Of the material below, only the lines from the line containing "#97=IFCINDEXEDPOLYGONALFACE((5,7,8,6));" down to the line containing "#99=IFCPOLYGONALFACESET(#98,$,(#92,#93,#94,#95,#96,#97),$);" belong in the answer, written out exactly.
Content starts
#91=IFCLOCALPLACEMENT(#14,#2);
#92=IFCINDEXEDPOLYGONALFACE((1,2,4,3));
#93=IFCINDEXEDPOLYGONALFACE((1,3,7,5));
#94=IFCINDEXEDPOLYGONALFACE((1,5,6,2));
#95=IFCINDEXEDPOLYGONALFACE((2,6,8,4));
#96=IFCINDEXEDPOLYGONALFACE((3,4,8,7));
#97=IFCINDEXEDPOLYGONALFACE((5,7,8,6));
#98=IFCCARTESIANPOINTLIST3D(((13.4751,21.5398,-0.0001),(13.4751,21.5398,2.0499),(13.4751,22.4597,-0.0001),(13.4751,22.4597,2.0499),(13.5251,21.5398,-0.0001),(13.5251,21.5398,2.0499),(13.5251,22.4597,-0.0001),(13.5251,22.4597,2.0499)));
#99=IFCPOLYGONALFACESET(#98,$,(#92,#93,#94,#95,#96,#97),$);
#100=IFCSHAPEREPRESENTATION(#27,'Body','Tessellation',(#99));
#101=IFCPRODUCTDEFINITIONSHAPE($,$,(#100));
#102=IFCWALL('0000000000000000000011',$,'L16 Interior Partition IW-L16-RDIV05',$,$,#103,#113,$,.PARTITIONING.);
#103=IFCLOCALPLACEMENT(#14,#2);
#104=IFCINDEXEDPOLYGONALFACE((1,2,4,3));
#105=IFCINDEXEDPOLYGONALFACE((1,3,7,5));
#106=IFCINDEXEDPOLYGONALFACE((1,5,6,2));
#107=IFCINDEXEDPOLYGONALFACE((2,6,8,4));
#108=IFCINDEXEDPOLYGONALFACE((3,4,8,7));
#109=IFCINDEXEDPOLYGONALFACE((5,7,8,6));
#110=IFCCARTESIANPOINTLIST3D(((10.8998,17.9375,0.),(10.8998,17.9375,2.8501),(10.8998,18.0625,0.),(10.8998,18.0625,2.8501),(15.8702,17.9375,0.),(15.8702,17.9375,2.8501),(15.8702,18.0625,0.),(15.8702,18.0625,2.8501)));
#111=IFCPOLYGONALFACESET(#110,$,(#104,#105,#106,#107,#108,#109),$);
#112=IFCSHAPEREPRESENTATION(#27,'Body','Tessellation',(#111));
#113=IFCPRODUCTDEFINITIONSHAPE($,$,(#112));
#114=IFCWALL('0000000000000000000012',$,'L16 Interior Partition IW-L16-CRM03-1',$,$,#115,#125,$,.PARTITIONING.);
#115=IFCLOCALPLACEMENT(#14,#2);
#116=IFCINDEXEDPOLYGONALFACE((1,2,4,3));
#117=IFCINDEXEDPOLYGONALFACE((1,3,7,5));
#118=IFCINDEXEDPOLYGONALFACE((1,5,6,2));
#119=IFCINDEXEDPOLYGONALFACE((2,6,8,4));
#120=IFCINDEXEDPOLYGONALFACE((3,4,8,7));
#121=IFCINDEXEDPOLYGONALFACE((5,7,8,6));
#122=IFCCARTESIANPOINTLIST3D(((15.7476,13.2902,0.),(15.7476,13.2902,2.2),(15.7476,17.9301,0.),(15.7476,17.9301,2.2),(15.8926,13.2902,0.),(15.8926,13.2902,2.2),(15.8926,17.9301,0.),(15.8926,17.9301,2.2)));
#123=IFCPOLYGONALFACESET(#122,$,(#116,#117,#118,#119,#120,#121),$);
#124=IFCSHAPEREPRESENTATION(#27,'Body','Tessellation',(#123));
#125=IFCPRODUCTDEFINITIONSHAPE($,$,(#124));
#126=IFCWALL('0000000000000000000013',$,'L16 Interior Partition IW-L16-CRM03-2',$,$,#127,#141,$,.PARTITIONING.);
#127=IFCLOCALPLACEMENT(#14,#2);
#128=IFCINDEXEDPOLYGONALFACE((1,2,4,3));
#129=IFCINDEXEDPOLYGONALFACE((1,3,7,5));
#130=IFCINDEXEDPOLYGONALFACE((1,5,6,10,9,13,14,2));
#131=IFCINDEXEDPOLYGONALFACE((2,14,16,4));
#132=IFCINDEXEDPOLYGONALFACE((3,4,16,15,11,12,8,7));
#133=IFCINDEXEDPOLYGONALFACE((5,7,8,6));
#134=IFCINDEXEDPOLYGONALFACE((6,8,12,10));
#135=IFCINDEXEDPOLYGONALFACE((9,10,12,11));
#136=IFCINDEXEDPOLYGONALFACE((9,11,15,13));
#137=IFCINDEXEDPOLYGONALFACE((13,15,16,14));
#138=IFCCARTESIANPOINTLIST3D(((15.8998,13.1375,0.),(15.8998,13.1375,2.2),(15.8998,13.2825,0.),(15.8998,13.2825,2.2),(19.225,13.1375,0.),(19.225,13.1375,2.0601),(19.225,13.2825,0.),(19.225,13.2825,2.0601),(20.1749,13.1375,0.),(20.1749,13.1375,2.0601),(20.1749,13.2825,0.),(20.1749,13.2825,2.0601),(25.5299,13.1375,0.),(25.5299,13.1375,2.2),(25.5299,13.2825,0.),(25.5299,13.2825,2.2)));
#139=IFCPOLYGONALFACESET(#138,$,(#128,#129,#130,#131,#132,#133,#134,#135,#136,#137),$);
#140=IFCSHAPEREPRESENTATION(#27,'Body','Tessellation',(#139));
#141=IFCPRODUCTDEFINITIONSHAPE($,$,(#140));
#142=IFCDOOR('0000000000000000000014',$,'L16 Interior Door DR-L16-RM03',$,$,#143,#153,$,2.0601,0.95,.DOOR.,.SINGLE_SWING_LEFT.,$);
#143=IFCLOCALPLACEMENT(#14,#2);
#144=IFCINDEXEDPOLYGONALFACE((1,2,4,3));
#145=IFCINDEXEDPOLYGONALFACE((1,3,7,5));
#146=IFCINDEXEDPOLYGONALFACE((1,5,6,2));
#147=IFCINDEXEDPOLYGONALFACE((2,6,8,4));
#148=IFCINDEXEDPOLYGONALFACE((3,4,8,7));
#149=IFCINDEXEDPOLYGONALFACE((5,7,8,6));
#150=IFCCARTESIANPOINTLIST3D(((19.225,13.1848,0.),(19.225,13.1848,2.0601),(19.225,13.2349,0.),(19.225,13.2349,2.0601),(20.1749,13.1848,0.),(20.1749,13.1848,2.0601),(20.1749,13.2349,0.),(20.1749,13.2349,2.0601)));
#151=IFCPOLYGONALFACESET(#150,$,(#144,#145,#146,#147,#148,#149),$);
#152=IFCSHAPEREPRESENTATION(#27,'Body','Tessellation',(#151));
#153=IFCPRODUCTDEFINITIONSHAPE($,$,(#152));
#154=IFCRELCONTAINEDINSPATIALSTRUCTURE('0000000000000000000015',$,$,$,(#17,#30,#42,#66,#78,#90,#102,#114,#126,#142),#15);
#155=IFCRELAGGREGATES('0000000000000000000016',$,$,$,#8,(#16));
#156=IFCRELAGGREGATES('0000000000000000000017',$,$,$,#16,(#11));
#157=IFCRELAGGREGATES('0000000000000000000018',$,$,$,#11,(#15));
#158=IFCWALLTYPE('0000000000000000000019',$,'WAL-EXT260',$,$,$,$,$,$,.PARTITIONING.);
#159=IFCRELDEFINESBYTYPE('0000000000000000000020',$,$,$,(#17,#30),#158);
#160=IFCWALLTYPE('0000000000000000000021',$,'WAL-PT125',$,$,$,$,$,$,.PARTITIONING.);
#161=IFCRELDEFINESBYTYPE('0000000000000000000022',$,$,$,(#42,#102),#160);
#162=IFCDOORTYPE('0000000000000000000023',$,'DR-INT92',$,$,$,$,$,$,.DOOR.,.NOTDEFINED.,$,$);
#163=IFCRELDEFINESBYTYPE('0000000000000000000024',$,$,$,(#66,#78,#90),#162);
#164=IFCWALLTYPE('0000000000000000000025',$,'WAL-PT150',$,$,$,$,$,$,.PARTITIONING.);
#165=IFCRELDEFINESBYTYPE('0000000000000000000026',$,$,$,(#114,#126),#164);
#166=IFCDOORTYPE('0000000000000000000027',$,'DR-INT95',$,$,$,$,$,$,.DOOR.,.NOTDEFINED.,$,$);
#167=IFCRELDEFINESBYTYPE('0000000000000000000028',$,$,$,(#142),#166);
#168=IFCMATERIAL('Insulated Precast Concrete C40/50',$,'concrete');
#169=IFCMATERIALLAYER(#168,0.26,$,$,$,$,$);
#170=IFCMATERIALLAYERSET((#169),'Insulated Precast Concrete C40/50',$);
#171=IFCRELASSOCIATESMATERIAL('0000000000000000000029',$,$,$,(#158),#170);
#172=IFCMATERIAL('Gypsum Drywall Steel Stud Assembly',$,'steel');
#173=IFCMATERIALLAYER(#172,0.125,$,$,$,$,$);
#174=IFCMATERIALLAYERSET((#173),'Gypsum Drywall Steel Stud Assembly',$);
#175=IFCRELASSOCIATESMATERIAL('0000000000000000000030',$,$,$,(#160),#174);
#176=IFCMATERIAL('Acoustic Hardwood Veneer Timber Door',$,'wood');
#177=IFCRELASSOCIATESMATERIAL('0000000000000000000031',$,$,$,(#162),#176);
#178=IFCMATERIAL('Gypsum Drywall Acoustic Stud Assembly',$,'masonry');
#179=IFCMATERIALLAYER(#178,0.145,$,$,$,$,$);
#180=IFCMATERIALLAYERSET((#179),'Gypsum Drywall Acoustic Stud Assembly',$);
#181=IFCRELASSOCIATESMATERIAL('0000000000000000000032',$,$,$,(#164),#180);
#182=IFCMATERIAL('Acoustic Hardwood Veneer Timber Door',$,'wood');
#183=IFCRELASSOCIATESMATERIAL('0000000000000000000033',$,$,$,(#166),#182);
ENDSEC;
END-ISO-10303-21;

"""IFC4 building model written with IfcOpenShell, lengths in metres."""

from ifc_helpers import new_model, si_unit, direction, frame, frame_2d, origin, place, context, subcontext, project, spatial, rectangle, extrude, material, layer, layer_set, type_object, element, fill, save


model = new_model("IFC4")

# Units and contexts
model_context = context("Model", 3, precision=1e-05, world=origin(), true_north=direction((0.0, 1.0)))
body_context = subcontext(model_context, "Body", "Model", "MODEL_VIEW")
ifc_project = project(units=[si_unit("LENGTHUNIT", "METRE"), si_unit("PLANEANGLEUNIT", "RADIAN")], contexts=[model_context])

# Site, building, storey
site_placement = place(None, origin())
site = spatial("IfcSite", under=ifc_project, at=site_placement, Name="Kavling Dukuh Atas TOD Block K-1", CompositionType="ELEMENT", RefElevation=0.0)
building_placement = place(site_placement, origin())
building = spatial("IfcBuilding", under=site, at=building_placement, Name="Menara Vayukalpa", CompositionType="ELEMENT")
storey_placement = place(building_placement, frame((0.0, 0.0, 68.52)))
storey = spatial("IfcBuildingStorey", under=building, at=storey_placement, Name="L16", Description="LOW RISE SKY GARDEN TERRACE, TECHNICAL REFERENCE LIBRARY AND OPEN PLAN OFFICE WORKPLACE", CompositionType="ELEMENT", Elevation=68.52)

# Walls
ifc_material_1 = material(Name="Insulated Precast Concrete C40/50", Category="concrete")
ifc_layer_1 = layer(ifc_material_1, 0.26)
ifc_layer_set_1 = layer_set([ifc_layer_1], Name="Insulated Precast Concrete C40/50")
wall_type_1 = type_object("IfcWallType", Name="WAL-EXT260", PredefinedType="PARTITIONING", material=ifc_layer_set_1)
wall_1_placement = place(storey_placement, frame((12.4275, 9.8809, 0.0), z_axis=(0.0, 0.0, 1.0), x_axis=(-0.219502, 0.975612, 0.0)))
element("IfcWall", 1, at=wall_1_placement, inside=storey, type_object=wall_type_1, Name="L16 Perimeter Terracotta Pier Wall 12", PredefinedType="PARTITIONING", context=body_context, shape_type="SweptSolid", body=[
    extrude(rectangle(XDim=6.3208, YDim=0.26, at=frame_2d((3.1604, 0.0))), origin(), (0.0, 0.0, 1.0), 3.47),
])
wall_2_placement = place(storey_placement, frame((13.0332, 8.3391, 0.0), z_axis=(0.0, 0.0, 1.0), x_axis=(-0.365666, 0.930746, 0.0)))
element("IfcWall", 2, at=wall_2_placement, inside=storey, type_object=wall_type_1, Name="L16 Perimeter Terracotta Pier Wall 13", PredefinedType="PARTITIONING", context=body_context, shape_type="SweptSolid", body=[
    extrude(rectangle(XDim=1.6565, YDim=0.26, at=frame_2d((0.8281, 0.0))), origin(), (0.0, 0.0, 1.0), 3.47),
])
Content ends
§ **SOLUTION FOR THIS EXERCISE**
#97=IFCINDEXEDPOLYGONALFACE((5,7,8,6));
#98=IFCCARTESIANPOINTLIST3D(((13.4751,21.5398,-0.0001),(13.4751,21.5398,2.0499),(13.4751,22.4597,-0.0001),(13.4751,22.4597,2.0499),(13.5251,21.5398,-0.0001),(13.5251,21.5398,2.0499),(13.5251,22.4597,-0.0001),(13.5251,22.4597,2.0499)));
#99=IFCPOLYGONALFACESET(#98,$,(#92,#93,#94,#95,#96,#97),$);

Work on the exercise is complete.